### Task data
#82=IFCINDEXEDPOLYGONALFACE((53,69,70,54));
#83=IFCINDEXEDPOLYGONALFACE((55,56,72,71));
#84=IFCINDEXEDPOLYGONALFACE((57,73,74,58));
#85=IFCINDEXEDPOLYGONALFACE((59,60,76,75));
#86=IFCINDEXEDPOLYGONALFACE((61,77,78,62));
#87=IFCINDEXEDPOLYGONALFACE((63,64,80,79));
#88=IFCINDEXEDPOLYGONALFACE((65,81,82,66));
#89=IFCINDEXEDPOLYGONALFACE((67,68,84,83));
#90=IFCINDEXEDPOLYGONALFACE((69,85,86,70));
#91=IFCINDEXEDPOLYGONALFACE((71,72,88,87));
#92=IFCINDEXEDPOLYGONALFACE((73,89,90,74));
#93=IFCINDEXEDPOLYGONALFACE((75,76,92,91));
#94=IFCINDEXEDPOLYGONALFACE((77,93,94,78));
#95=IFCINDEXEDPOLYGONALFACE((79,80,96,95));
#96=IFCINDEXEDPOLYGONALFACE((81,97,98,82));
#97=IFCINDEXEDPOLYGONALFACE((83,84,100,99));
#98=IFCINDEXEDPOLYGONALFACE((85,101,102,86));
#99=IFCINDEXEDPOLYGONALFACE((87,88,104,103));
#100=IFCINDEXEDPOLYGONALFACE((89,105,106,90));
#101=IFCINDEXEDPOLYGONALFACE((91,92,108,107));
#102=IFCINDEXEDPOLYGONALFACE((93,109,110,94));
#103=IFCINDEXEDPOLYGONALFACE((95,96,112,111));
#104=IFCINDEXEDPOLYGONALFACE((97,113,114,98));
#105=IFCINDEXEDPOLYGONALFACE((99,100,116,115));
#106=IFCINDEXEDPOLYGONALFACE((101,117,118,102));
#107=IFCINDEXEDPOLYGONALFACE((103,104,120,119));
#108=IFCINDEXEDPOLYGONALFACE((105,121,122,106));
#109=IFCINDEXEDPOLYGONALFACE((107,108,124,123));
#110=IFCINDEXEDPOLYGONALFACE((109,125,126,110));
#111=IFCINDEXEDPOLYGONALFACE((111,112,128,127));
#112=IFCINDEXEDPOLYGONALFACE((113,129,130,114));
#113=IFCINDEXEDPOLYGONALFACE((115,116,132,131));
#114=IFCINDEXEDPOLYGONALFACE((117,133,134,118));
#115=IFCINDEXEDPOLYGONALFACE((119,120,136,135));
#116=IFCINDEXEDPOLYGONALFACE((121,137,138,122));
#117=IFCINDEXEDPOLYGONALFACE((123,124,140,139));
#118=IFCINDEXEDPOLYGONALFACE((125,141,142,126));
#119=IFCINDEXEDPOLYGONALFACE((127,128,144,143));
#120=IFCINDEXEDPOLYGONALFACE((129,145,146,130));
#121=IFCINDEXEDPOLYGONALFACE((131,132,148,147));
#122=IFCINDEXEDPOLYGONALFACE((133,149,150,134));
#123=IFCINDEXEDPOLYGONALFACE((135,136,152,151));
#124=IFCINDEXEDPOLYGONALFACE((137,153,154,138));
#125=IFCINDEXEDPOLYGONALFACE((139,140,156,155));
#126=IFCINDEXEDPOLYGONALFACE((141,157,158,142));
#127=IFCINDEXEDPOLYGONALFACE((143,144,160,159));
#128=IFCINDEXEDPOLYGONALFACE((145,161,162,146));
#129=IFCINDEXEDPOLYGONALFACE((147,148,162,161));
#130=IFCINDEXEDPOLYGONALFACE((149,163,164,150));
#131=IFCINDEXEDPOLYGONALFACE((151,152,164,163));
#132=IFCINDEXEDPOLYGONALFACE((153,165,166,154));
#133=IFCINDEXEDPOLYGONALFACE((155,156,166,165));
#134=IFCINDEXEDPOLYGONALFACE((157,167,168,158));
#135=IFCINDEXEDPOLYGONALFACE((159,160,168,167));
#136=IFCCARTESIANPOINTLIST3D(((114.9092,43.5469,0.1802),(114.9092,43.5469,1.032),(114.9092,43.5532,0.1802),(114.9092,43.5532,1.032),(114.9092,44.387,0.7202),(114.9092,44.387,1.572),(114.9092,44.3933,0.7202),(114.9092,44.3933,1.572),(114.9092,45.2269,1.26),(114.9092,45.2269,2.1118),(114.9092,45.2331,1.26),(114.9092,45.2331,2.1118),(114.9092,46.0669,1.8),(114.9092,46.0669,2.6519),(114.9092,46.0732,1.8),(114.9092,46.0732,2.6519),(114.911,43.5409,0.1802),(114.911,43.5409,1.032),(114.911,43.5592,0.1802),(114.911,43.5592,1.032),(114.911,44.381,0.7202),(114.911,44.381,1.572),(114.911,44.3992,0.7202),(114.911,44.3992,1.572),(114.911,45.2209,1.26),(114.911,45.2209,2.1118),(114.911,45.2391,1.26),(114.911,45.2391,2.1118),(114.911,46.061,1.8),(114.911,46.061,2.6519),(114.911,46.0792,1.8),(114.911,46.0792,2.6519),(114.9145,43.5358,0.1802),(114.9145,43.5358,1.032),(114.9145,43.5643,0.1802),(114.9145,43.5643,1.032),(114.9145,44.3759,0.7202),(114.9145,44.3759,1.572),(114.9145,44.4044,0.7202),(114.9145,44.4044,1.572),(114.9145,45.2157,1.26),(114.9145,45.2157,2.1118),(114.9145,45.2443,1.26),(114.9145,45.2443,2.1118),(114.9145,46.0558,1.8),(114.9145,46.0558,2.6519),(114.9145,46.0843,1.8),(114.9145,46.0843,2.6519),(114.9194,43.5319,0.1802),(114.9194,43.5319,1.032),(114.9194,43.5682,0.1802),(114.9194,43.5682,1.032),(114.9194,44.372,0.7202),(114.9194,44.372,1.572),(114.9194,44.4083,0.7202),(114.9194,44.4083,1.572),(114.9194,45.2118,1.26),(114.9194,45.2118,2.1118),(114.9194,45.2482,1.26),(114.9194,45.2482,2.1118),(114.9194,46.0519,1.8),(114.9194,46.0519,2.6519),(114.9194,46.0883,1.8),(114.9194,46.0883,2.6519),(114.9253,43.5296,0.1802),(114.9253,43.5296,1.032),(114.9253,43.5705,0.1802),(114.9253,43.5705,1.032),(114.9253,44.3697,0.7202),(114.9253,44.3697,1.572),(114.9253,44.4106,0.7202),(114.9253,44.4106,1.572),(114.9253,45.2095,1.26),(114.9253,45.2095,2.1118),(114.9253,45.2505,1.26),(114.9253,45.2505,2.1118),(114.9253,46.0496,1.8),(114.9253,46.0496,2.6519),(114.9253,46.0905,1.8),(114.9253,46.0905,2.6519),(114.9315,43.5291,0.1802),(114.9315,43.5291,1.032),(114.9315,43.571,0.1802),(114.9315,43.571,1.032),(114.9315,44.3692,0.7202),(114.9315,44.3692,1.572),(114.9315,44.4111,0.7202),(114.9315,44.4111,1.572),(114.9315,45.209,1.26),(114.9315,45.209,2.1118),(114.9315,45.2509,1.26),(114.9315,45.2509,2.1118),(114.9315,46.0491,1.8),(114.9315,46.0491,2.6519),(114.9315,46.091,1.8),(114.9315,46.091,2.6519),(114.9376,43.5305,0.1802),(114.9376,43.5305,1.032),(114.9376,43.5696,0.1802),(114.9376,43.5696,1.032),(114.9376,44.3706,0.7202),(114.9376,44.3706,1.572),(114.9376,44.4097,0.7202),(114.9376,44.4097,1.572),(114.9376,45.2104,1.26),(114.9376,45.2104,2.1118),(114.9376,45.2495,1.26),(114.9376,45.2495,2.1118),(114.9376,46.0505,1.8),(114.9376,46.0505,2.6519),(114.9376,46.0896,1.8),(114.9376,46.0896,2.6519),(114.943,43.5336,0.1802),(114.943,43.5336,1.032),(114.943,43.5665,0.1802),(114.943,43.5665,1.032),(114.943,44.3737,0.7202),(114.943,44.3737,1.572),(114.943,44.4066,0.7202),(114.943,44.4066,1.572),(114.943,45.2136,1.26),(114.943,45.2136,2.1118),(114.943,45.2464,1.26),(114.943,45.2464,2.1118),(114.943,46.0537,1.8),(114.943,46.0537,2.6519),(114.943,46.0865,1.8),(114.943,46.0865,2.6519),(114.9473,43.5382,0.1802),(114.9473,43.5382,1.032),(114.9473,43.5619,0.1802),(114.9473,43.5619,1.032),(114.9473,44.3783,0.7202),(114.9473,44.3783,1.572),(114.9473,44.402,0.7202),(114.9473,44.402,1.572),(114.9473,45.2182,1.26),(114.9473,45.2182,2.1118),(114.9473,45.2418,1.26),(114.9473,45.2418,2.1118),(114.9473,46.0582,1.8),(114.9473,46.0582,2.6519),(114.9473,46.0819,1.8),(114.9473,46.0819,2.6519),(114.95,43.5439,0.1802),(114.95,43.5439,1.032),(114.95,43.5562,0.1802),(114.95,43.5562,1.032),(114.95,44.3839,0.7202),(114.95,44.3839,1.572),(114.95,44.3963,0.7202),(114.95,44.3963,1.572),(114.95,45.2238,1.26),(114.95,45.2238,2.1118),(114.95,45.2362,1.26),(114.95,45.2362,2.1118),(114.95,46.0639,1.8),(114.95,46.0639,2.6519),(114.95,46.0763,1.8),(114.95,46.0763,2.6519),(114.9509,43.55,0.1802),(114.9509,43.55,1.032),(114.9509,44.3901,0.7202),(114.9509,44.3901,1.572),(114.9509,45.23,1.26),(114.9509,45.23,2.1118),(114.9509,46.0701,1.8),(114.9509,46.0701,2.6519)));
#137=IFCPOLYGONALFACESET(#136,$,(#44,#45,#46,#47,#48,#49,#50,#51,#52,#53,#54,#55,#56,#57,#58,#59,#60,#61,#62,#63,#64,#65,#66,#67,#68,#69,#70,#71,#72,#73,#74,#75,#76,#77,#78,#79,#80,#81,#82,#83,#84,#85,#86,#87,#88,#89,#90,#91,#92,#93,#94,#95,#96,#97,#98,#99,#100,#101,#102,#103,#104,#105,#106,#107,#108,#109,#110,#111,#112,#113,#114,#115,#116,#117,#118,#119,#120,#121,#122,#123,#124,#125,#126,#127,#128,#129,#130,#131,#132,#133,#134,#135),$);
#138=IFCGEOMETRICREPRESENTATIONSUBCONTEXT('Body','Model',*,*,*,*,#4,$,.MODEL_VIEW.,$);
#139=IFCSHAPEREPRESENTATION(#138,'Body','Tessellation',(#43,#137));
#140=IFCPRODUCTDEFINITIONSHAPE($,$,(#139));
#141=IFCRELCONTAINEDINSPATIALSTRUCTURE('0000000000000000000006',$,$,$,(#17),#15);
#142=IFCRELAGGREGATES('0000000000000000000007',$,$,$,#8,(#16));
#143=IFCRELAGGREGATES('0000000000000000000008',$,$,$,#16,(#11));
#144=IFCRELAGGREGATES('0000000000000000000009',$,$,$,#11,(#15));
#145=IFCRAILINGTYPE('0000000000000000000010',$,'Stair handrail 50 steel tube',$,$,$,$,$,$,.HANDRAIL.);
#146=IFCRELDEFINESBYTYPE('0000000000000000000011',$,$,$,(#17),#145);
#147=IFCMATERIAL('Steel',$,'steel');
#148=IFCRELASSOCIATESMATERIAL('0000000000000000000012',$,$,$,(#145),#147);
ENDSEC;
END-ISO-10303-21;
######
* [Instructions to follow]: Filter the material above down to the lines that hold the word "steel".

* [Solution for this exercise]:
#145=IFCRAILINGTYPE('0000000000000000000010',$,'Stair handrail 50 steel tube',$,$,$,$,$,$,.HANDRAIL.);
#147=IFCMATERIAL('Steel',$,'steel');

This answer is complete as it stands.